**RECORD EXTRACTS:**

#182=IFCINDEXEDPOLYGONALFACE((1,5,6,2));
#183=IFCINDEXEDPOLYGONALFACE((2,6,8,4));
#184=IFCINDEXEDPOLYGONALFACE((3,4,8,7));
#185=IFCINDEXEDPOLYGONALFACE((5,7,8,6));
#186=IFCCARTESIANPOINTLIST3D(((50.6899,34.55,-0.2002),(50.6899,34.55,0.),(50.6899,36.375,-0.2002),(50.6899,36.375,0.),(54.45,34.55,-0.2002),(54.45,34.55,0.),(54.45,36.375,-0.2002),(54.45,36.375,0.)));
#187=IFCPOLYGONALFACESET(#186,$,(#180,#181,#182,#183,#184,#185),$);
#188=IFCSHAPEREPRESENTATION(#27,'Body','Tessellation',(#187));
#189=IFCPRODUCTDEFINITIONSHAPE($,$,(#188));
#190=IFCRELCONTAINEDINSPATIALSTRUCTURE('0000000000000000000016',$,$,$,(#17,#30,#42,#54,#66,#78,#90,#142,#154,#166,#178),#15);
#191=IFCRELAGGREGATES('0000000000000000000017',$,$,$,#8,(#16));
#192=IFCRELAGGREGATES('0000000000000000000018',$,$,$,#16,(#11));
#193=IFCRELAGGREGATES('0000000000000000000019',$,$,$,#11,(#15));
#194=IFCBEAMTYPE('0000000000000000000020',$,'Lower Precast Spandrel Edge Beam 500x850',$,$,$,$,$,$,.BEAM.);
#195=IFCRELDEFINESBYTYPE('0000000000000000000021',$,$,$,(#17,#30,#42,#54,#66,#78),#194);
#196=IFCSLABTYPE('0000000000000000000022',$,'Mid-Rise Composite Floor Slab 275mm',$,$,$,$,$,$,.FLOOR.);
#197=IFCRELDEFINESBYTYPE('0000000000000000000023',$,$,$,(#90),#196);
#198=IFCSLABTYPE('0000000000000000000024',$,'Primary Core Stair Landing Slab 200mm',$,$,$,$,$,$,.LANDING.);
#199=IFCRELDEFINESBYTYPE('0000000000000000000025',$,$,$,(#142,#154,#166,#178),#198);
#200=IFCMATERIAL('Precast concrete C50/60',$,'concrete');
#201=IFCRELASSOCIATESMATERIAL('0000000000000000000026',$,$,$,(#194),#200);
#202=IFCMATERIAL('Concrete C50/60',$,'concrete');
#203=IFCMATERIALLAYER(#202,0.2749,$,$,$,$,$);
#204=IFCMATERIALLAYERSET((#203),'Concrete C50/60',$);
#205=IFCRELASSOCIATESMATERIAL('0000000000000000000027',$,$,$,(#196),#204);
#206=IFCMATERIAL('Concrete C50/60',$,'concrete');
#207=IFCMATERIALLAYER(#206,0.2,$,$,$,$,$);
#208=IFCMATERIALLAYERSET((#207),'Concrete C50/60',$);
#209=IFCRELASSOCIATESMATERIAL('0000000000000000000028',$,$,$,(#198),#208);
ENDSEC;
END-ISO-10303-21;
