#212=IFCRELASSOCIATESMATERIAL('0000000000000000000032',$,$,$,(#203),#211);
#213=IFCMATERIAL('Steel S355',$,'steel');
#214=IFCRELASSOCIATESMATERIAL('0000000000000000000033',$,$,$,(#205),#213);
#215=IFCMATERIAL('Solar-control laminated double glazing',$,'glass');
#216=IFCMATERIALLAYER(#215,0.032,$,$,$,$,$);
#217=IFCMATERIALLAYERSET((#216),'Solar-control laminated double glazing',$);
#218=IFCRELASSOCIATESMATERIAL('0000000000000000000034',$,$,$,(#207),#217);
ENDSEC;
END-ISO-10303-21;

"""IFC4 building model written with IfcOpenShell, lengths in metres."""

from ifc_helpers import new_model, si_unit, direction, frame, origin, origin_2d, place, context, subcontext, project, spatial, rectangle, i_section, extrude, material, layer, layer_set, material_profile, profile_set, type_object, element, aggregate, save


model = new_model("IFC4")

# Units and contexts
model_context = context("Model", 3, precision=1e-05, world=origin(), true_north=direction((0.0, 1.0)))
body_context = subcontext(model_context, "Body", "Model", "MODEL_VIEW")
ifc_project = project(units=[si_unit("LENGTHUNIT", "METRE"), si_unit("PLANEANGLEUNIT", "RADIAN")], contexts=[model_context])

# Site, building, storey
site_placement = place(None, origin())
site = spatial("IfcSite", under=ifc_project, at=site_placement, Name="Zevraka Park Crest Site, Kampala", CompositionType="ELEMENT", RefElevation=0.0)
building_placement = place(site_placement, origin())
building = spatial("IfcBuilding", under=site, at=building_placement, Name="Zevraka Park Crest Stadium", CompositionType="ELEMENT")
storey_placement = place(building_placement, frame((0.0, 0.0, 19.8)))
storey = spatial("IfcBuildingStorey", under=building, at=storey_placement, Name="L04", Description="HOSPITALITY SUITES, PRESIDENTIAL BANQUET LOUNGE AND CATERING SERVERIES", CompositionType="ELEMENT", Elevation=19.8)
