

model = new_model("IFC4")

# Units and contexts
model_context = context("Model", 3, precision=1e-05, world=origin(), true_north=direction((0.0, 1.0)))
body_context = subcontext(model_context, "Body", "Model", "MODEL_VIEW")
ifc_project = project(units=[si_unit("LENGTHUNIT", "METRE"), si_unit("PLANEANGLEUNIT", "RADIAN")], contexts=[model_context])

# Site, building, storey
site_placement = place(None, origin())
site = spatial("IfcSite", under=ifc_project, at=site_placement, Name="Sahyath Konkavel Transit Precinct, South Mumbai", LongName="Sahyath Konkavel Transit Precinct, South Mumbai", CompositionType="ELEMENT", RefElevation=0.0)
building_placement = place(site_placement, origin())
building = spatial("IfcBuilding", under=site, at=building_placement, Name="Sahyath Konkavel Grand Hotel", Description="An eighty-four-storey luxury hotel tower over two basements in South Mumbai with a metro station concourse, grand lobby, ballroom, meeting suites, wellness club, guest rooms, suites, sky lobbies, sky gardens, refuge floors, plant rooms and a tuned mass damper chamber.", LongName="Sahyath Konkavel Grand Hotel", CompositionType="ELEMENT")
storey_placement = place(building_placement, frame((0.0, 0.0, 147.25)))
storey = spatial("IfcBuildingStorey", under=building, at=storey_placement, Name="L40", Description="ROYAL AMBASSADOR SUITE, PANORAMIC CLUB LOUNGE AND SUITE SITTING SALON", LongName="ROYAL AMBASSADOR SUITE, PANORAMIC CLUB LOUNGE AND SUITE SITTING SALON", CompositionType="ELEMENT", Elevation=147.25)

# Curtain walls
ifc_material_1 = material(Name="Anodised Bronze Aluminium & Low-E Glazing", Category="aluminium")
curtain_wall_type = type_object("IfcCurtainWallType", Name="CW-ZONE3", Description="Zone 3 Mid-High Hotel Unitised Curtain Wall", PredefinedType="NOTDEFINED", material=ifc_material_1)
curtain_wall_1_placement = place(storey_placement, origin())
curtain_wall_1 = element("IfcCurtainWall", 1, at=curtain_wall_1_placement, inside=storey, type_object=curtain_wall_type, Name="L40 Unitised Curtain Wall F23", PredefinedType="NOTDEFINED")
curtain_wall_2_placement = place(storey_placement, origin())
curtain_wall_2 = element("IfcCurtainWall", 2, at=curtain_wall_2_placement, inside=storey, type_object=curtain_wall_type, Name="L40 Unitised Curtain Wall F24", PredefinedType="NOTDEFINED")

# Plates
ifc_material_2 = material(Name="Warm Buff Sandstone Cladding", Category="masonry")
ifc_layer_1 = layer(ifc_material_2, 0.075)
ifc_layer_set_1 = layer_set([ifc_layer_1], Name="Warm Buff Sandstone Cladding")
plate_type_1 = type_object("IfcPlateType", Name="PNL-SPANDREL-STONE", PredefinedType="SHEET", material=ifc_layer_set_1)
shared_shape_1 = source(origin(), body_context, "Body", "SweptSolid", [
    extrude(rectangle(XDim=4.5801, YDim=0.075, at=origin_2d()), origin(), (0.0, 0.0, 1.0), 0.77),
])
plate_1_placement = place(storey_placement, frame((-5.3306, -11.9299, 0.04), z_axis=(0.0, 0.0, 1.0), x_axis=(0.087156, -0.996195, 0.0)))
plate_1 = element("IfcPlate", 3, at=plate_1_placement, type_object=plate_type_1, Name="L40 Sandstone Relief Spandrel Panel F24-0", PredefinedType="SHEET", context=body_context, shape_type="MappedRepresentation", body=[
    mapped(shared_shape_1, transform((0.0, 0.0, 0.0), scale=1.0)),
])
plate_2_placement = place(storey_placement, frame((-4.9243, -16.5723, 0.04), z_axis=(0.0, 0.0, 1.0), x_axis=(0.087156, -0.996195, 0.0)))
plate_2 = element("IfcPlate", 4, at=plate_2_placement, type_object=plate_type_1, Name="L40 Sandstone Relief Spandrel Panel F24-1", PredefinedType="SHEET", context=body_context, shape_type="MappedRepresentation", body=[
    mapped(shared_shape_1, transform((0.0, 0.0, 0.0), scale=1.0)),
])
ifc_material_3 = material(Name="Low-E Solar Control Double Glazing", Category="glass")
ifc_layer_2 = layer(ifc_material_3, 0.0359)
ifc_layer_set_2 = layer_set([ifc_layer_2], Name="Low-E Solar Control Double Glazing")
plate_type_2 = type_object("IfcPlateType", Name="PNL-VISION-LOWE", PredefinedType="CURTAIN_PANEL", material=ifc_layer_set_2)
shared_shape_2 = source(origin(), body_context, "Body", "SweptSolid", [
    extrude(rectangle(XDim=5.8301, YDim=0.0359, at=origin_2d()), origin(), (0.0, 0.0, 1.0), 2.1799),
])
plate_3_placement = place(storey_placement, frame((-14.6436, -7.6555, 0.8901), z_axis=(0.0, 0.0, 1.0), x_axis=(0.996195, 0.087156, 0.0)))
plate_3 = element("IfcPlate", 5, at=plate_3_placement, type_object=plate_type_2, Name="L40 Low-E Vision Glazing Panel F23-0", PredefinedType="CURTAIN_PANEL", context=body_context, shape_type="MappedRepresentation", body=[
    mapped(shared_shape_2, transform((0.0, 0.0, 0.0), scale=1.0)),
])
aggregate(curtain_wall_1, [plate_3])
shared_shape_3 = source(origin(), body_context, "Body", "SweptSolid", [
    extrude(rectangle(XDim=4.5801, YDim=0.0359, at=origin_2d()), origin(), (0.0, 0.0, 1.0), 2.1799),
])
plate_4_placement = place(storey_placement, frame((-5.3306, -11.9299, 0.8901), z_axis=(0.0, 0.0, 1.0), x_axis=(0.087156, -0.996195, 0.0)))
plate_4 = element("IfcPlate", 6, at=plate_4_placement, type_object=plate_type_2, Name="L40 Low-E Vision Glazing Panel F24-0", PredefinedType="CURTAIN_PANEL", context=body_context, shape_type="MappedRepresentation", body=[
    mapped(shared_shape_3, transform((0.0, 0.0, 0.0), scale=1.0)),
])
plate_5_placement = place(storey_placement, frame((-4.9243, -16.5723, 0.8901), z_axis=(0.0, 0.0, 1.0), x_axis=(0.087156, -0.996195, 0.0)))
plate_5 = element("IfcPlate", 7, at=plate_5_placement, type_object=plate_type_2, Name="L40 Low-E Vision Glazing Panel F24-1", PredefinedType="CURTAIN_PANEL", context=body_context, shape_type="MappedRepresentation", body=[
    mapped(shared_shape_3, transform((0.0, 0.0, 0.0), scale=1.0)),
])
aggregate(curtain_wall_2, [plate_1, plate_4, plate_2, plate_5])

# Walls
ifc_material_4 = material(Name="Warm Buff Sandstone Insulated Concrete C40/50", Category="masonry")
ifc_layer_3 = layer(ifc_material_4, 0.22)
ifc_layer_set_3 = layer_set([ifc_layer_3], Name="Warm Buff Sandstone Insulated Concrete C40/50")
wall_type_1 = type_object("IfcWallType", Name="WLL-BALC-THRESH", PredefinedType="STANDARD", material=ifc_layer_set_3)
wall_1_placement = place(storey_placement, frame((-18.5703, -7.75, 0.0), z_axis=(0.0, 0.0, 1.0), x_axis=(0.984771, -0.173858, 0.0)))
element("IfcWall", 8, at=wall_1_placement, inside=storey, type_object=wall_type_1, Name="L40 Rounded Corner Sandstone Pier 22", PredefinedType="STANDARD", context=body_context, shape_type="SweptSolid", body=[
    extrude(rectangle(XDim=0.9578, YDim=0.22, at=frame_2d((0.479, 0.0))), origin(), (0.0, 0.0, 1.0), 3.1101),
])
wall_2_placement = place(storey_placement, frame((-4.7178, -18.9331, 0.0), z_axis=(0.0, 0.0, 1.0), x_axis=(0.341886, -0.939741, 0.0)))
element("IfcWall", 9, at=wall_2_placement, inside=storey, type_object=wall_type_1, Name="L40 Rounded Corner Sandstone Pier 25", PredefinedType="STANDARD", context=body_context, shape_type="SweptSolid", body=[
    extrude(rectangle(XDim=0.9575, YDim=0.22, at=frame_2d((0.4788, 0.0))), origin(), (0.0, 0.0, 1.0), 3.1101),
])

**PROMPT:**
Search the listing for the string "glass". Copy each line where it turns up.

**ANSWER FOR THE TASK:**
#215=IFCMATERIAL('Solar-control laminated double glazing',$,'glass');
ifc_material_3 = material(Name="Low-E Solar Control Double Glazing", Category="glass")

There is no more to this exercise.